* Task objective
Look below for the line that contains "#128=IFCMATERIAL('Steel S275JR',$,'steel');", then copy it and each following line exactly, through and including the line that contains "#186=IFCRELAGGREGATES('0000000000000000000015',$,$,$,#11,(#15));".

* Raw data
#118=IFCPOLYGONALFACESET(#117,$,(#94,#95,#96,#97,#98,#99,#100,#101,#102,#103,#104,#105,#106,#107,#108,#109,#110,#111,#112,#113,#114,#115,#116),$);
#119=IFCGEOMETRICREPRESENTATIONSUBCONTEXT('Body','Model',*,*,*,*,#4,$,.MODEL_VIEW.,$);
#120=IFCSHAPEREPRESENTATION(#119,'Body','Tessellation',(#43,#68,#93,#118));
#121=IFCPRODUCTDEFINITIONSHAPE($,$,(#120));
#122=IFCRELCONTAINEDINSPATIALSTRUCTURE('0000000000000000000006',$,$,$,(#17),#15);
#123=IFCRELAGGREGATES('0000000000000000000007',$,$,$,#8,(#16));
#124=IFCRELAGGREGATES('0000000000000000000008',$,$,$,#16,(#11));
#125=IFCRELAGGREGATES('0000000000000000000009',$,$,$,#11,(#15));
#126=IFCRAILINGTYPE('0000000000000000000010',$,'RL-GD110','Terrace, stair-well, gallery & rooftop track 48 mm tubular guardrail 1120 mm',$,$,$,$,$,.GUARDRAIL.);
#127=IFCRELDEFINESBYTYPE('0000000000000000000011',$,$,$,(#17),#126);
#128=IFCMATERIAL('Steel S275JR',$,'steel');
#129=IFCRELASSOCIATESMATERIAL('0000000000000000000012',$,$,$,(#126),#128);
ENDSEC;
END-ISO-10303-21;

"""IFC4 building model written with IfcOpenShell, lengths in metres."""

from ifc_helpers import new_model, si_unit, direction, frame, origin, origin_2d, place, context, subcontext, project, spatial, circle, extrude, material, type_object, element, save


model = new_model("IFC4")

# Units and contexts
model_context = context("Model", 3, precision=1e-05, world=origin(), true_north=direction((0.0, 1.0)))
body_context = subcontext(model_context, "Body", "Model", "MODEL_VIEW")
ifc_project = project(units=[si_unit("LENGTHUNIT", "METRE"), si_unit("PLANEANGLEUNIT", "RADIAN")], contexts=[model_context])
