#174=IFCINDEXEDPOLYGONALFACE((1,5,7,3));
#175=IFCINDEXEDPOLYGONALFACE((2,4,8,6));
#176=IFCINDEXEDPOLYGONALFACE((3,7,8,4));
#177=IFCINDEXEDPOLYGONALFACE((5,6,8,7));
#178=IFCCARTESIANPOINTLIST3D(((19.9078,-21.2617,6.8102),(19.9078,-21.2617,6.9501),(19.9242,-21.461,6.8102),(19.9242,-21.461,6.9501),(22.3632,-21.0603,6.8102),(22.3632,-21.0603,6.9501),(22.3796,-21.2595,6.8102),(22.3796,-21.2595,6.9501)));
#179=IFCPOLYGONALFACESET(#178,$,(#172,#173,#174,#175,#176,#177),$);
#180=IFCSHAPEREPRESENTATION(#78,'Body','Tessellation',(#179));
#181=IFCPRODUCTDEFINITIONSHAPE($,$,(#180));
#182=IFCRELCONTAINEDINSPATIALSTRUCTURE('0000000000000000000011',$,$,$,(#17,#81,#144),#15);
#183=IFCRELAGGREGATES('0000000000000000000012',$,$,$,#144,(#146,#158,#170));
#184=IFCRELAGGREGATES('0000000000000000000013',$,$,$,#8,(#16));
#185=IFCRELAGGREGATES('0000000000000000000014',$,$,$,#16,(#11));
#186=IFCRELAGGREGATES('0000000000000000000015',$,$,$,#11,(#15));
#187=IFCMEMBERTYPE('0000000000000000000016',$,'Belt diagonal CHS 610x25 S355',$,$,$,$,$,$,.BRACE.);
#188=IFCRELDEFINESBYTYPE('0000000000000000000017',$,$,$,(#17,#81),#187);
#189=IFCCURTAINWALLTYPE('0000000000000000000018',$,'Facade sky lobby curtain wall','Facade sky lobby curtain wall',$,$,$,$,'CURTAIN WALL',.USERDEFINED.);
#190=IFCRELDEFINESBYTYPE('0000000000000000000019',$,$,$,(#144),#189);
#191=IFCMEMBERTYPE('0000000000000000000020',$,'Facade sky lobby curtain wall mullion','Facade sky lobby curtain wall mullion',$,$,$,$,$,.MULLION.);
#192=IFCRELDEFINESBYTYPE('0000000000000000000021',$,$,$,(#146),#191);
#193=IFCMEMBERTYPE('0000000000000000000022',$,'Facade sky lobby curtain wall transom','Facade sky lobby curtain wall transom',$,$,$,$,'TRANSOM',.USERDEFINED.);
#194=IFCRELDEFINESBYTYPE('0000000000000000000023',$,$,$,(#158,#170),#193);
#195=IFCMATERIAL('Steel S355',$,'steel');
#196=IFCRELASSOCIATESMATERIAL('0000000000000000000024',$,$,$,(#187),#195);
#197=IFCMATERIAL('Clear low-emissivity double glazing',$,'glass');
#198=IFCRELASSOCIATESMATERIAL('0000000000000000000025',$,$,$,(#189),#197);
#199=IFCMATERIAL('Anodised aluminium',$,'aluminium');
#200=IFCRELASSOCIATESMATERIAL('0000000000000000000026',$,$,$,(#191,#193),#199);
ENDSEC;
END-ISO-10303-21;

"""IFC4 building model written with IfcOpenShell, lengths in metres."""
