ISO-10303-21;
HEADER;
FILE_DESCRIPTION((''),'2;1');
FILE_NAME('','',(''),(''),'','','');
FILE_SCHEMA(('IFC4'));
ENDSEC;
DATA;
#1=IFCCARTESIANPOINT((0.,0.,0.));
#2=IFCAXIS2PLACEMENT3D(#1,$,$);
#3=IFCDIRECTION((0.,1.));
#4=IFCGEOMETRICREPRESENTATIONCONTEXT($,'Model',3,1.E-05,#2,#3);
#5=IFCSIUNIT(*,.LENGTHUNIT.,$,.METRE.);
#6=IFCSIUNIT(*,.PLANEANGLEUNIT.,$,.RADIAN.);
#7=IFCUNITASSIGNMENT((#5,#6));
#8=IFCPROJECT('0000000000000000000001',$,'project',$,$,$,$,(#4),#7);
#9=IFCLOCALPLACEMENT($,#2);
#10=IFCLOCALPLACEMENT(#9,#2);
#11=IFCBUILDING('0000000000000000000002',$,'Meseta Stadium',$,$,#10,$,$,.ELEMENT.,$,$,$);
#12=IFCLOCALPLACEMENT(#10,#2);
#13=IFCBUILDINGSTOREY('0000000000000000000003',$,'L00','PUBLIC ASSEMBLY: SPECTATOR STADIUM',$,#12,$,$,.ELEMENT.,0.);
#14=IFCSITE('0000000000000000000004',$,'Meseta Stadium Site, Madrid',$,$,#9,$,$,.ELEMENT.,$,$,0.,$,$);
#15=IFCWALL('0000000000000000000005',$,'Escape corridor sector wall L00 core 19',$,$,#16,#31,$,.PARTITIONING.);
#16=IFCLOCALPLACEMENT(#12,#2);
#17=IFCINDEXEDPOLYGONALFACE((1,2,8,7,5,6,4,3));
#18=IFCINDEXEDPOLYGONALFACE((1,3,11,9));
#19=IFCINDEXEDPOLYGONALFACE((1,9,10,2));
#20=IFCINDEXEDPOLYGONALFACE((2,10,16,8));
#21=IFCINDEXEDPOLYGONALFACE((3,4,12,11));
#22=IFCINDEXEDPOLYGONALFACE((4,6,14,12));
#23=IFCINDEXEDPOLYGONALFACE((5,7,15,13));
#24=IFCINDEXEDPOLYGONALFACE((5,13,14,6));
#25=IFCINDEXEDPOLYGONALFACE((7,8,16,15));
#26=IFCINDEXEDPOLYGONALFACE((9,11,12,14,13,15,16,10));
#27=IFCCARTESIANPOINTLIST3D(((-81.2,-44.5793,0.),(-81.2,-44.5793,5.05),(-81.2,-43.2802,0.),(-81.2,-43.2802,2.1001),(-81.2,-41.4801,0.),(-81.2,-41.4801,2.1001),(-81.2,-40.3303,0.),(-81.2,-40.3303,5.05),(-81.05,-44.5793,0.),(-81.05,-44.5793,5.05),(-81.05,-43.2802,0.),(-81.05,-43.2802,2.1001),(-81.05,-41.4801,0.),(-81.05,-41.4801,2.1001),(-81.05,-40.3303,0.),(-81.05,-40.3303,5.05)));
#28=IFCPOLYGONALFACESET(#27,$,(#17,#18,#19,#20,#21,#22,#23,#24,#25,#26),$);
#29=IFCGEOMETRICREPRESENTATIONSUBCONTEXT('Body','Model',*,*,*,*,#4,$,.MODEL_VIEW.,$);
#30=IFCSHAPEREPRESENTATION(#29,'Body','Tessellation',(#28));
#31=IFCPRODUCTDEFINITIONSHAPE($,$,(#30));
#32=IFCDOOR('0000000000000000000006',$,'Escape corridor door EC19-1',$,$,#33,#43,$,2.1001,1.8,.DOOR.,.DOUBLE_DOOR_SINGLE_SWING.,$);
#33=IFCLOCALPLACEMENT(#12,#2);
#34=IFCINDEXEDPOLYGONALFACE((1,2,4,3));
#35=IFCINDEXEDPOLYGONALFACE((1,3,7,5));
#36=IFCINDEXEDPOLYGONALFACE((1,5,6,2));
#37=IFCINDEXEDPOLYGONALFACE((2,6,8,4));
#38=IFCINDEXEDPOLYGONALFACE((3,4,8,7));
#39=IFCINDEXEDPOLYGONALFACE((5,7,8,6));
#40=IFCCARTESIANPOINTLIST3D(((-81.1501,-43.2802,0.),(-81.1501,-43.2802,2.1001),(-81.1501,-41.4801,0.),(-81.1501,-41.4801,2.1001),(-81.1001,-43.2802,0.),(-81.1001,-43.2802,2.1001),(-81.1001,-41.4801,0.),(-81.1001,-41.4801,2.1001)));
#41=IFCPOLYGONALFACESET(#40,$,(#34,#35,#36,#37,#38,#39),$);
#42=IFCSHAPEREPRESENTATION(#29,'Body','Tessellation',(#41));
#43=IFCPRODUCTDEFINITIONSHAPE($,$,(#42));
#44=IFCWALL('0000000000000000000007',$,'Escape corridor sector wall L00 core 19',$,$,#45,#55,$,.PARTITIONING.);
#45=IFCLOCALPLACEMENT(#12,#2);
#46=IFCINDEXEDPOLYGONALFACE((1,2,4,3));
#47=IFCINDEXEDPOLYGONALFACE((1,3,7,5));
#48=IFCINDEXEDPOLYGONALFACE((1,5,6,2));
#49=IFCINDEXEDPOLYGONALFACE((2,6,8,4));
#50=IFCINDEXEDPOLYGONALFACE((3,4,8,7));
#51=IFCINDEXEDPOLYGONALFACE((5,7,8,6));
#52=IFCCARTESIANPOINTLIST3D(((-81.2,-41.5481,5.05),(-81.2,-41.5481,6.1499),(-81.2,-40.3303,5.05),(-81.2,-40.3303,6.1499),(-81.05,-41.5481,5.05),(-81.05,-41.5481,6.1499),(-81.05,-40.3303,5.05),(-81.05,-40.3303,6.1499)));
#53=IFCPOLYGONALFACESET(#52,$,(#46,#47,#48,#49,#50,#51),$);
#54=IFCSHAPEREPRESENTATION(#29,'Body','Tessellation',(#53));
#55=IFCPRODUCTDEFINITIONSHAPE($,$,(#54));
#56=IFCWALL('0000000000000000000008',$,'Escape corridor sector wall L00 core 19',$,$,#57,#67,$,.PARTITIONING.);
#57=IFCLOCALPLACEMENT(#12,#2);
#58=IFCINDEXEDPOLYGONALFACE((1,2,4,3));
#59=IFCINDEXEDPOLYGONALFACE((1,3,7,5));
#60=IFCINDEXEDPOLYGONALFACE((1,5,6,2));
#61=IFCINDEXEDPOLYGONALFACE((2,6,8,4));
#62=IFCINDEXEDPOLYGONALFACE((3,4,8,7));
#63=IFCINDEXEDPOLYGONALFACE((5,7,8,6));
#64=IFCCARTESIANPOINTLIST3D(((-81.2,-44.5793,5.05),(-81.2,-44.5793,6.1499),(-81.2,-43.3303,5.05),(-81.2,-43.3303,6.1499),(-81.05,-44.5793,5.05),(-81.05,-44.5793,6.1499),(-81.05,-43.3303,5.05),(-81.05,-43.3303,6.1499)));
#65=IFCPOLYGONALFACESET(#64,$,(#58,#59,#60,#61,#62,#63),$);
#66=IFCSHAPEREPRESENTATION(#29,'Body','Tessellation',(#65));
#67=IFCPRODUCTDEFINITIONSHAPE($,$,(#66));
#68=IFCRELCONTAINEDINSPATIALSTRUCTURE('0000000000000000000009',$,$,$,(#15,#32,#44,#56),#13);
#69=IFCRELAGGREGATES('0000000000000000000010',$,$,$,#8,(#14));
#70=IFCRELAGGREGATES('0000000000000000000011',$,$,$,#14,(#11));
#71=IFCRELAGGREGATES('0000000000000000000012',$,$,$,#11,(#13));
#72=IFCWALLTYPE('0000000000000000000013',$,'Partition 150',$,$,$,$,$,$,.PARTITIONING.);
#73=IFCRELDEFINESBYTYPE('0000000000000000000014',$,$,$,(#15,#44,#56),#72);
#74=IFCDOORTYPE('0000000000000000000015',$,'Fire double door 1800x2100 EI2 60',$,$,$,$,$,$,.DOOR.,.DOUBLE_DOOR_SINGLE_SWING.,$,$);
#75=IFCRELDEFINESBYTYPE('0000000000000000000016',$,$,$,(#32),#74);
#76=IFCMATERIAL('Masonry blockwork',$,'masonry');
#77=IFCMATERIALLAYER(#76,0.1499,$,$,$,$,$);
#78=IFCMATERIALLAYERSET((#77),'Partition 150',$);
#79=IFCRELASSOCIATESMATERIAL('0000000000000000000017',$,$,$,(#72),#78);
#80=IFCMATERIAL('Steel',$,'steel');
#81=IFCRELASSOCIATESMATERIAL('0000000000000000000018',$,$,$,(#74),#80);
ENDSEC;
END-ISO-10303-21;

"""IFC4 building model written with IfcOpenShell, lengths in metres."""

from ifc_helpers import new_model, si_unit, direction, frame, frame_2d, origin, place, context, subcontext, project, spatial, rectangle, extrude, material, layer, layer_set, type_object, element, fill, save


model = new_model("IFC4")

# Units and contexts
model_context = context("Model", 3, precision=1e-05, world=origin(), true_north=direction((0.0, 1.0)))
body_context = subcontext(model_context, "Body", "Model", "MODEL_VIEW")
ifc_project = project(units=[si_unit("LENGTHUNIT", "METRE"), si_unit("PLANEANGLEUNIT", "RADIAN")], contexts=[model_context])

# Site, building, storey
site_placement = place(None, origin())
site = spatial("IfcSite", under=ifc_project, at=site_placement, Name="Meseta Stadium Site, Madrid", CompositionType="ELEMENT", RefElevation=0.0)
building_placement = place(site_placement, origin())
building = spatial("IfcBuilding", under=site, at=building_placement, Name="Meseta Stadium", CompositionType="ELEMENT")
storey_placement = place(building_placement, origin())
storey = spatial("IfcBuildingStorey", under=building, at=storey_placement, Name="L00", Description="PUBLIC ASSEMBLY: SPECTATOR STADIUM", CompositionType="ELEMENT", Elevation=0.0)

# Shared definitions
ifc_material_1 = material(Name="Masonry blockwork", Category="masonry")
ifc_layer_1 = layer(ifc_material_1, 0.1499)
ifc_layer_set_1 = layer_set([ifc_layer_1], Name="Partition 150")
wall_type_1 = type_object("IfcWallType", Name="Partition 150", PredefinedType="PARTITIONING", material=ifc_layer_set_1)

# Wall, opening, door
wall_1_placement = place(storey_placement, frame((-81.125, -40.3303, 0.0), z_axis=(0.0, 0.0, 1.0), x_axis=(0.0, -1.0, 0.0)))
wall_1 = element("IfcWall", 1, at=wall_1_placement, inside=storey, type_object=wall_type_1, Name="Escape corridor sector wall L00 core 19", PredefinedType="PARTITIONING", context=body_context, shape_type="SweptSolid", body=[
    extrude(rectangle(XDim=4.249, YDim=0.1499, at=frame_2d((2.1245, 0.0))), origin(), (0.0, 0.0, 1.0), 5.05),
])
opening_1_placement = place(wall_1_placement, frame((1.1499, 0.0, 0.0)))
opening_1 = element("IfcOpeningElement", 2, at=opening_1_placement, cuts=wall_1, PredefinedType="OPENING", context=body_context, shape_type="SweptSolid", body=[
    extrude(rectangle(XDim=1.8, YDim=2.1001, at=frame_2d((0.8999, 1.05))), frame((0.0, 0.085, 0.0), z_axis=(0.0, -1.0, 0.0), x_axis=(1.0, 0.0, 0.0)), (0.0, 0.0, 1.0), 0.1699),
])
ifc_material_2 = material(Name="Steel", Category="steel")
door_type_1 = type_object("IfcDoorType", Name="Fire double door 1800x2100 EI2 60", OperationType="DOUBLE_DOOR_SINGLE_SWING", PredefinedType="DOOR", material=ifc_material_2)
door_1_placement = place(opening_1_placement, origin())
door_1 = element("IfcDoor", 3, at=door_1_placement, inside=storey, type_object=door_type_1, Name="Escape corridor door EC19-1", OperationType="DOUBLE_DOOR_SINGLE_SWING", OverallHeight=2.1001, OverallWidth=1.8, PredefinedType="DOOR", context=body_context, shape_type="SweptSolid", body=[
    extrude(rectangle(XDim=1.8, YDim=2.1001, at=frame_2d((0.8999, 1.05))), frame((0.0, 0.0249, 0.0), z_axis=(0.0, -1.0, 0.0), x_axis=(1.0, 0.0, 0.0)), (0.0, 0.0, 1.0), 0.05),
])
fill(opening_1, door_1)

# Walls
wall_2_placement = place(storey_placement, frame((-81.125, -40.3303, 5.05), z_axis=(0.0, 0.0, 1.0), x_axis=(0.0, -1.0, 0.0)))
element("IfcWall", 4, at=wall_2_placement, inside=storey, type_object=wall_type_1, Name="Escape corridor sector wall L00 core 19", PredefinedType="PARTITIONING", context=body_context, shape_type="SweptSolid", body=[
    extrude(rectangle(XDim=1.2178, YDim=0.1499, at=frame_2d((0.6089, 0.0))), origin(), (0.0, 0.0, 1.0), 1.0999),
])
wall_3_placement = place(storey_placement, frame((-81.125, -43.3303, 5.05), z_axis=(0.0, 0.0, 1.0), x_axis=(0.0, -1.0, 0.0)))
element("IfcWall", 5, at=wall_3_placement, inside=storey, type_object=wall_type_1, Name="Escape corridor sector wall L00 core 19", PredefinedType="PARTITIONING", context=body_context, shape_type="SweptSolid", body=[
    extrude(rectangle(XDim=1.249, YDim=0.1499, at=frame_2d((0.6245, 0.0))), origin(), (0.0, 0.0, 1.0), 1.0999),
])

save(model, "model.ifc")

* Reply
#128=IFCMATERIAL('Steel S275JR',$,'steel');
#129=IFCRELASSOCIATESMATERIAL('0000000000000000000012',$,$,$,(#126),#128);
ENDSEC;
END-ISO-10303-21;

"""IFC4 building model written with IfcOpenShell, lengths in metres."""

from ifc_helpers import new_model, si_unit, direction, frame, origin, origin_2d, place, context, subcontext, project, spatial, circle, extrude, material, type_object, element, save


model = new_model("IFC4")

# Units and contexts
model_context = context("Model", 3, precision=1e-05, world=origin(), true_north=direction((0.0, 1.0)))
body_context = subcontext(model_context, "Body", "Model", "MODEL_VIEW")
ifc_project = project(units=[si_unit("LENGTHUNIT", "METRE"), si_unit("PLANEANGLEUNIT", "RADIAN")], contexts=[model_context])
#174=IFCINDEXEDPOLYGONALFACE((1,5,7,3));
#175=IFCINDEXEDPOLYGONALFACE((2,4,8,6));
#176=IFCINDEXEDPOLYGONALFACE((3,7,8,4));
#177=IFCINDEXEDPOLYGONALFACE((5,6,8,7));
#178=IFCCARTESIANPOINTLIST3D(((19.9078,-21.2617,6.8102),(19.9078,-21.2617,6.9501),(19.9242,-21.461,6.8102),(19.9242,-21.461,6.9501),(22.3632,-21.0603,6.8102),(22.3632,-21.0603,6.9501),(22.3796,-21.2595,6.8102),(22.3796,-21.2595,6.9501)));
#179=IFCPOLYGONALFACESET(#178,$,(#172,#173,#174,#175,#176,#177),$);
#180=IFCSHAPEREPRESENTATION(#78,'Body','Tessellation',(#179));
#181=IFCPRODUCTDEFINITIONSHAPE($,$,(#180));
#182=IFCRELCONTAINEDINSPATIALSTRUCTURE('0000000000000000000011',$,$,$,(#17,#81,#144),#15);
#183=IFCRELAGGREGATES('0000000000000000000012',$,$,$,#144,(#146,#158,#170));
#184=IFCRELAGGREGATES('0000000000000000000013',$,$,$,#8,(#16));
#185=IFCRELAGGREGATES('0000000000000000000014',$,$,$,#16,(#11));
#186=IFCRELAGGREGATES('0000000000000000000015',$,$,$,#11,(#15));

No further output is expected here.